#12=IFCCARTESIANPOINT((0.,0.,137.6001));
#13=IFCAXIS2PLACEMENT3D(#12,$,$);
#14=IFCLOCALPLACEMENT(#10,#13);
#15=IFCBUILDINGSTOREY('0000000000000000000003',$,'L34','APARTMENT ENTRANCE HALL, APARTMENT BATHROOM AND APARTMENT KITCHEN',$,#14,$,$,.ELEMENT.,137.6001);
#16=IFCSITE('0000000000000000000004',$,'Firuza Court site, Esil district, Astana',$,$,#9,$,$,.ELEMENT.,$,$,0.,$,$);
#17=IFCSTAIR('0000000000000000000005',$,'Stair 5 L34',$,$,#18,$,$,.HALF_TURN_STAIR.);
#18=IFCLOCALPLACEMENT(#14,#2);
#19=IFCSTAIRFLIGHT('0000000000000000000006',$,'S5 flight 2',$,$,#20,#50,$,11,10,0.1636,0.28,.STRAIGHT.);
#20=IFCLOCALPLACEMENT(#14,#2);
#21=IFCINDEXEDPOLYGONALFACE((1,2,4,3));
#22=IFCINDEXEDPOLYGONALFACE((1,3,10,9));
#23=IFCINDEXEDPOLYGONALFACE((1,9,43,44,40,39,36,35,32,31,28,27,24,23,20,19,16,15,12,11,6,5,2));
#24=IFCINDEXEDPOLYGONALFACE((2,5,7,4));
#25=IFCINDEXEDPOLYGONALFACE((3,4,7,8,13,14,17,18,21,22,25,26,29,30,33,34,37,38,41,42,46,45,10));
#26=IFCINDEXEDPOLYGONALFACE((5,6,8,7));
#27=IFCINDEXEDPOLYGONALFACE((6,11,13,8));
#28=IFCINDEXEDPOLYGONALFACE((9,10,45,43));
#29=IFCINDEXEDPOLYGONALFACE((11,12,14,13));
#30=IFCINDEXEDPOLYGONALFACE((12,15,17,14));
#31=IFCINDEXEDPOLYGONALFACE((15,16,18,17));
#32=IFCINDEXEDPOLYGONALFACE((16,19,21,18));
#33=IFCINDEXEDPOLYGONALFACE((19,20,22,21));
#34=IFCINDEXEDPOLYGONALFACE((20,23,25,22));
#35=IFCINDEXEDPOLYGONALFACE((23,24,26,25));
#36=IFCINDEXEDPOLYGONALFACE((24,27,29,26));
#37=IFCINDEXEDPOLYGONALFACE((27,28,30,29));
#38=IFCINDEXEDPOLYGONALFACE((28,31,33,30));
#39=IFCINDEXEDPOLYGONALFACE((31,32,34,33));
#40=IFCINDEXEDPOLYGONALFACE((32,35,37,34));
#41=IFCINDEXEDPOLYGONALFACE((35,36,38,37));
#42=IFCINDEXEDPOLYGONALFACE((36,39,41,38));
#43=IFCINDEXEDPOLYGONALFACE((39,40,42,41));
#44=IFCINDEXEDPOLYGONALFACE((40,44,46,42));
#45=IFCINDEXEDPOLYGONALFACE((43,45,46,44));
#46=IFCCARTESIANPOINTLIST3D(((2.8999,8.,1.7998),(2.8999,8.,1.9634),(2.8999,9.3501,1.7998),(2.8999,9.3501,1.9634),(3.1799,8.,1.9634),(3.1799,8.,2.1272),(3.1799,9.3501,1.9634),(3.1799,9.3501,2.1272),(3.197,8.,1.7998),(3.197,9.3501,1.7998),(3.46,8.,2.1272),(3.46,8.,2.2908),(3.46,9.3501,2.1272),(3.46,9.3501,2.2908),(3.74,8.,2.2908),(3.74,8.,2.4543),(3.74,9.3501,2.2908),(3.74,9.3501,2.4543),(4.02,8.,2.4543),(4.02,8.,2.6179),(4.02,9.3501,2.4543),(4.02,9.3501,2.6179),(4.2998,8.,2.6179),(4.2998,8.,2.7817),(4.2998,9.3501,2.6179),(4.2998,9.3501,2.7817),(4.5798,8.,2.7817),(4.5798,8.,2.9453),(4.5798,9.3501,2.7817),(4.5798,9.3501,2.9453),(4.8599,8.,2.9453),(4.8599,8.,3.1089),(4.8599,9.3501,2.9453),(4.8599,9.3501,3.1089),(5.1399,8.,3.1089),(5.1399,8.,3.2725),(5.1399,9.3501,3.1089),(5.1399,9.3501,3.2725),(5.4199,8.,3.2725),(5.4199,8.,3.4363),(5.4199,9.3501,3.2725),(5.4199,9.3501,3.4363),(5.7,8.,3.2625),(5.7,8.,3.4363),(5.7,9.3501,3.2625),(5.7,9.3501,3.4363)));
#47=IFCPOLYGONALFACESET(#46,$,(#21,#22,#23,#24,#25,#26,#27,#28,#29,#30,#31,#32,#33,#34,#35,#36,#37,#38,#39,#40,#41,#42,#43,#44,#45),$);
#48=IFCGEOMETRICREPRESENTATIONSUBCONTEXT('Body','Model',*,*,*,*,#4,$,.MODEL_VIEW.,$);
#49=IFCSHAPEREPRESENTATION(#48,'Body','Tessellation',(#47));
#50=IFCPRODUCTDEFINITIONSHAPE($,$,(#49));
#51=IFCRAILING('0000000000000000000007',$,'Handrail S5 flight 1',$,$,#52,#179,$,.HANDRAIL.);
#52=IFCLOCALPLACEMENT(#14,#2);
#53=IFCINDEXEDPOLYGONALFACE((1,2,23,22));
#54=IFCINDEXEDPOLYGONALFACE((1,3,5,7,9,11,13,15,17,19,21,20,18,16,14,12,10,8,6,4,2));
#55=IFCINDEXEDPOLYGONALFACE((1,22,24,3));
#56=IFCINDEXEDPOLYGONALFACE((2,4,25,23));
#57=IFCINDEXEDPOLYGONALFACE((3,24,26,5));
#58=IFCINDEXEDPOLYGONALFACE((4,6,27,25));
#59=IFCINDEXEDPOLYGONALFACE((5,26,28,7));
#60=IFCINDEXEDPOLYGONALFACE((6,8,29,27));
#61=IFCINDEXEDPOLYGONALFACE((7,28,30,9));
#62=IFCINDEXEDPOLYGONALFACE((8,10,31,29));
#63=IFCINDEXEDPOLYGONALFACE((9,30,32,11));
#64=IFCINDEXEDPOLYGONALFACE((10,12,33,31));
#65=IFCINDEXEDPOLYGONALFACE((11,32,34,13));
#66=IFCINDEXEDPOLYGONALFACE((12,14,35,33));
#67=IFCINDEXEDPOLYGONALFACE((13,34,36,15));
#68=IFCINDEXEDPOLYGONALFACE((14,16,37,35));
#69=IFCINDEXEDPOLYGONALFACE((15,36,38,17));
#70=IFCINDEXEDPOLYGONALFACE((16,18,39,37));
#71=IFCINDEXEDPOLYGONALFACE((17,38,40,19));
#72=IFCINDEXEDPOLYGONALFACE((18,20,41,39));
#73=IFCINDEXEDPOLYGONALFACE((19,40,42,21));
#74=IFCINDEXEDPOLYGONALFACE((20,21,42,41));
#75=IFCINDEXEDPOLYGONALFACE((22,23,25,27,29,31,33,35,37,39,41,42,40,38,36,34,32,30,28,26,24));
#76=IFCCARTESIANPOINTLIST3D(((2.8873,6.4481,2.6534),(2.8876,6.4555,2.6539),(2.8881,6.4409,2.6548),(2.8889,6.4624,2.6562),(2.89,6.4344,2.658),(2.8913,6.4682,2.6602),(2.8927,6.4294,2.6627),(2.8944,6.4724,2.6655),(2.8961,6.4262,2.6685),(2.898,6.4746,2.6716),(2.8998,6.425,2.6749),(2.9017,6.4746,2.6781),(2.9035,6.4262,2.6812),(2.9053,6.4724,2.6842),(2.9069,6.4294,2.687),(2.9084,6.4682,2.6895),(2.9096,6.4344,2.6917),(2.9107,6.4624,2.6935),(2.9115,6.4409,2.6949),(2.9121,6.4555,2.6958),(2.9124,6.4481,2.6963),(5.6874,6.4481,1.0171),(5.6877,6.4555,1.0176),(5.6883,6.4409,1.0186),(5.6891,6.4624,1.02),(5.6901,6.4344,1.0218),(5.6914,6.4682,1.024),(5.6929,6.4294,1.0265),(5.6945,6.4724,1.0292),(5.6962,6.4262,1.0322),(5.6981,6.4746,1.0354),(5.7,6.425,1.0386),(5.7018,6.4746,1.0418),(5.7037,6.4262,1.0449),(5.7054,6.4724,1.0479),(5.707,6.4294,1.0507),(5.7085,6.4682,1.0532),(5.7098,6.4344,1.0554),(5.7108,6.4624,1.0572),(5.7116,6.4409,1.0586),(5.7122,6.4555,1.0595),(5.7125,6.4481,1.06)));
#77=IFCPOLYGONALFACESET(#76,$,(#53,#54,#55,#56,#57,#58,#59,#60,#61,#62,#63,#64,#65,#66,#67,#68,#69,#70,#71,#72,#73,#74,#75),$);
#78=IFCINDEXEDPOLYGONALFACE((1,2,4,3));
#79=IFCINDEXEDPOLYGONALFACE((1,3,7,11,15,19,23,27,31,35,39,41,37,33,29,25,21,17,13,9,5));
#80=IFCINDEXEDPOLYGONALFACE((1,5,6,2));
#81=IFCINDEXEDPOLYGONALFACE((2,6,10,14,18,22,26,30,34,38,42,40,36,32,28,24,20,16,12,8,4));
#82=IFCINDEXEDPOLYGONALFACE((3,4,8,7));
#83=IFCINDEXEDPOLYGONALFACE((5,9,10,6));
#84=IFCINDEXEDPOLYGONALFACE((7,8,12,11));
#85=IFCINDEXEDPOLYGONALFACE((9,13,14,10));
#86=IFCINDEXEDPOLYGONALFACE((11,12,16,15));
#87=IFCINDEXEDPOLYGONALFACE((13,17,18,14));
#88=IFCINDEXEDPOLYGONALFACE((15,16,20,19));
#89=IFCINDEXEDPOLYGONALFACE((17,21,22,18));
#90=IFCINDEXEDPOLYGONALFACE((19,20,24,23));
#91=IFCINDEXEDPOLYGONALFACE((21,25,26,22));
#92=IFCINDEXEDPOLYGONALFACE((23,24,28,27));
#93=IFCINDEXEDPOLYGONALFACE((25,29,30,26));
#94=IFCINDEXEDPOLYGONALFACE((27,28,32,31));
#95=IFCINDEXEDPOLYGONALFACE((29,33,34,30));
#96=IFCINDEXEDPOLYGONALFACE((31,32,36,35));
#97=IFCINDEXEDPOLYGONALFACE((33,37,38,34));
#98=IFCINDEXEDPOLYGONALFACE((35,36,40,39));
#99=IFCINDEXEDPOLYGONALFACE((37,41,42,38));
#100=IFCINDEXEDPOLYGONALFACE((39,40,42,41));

→ **Requirement**:
Copy every line in the data above that has the string "ELEMENT" in it.

→ **Solution for this problem**:
#15=IFCBUILDINGSTOREY('0000000000000000000003',$,'L34','APARTMENT ENTRANCE HALL, APARTMENT BATHROOM AND APARTMENT KITCHEN',$,#14,$,$,.ELEMENT.,137.6001);
#16=IFCSITE('0000000000000000000004',$,'Firuza Court site, Esil district, Astana',$,$,#9,$,$,.ELEMENT.,$,$,0.,$,$);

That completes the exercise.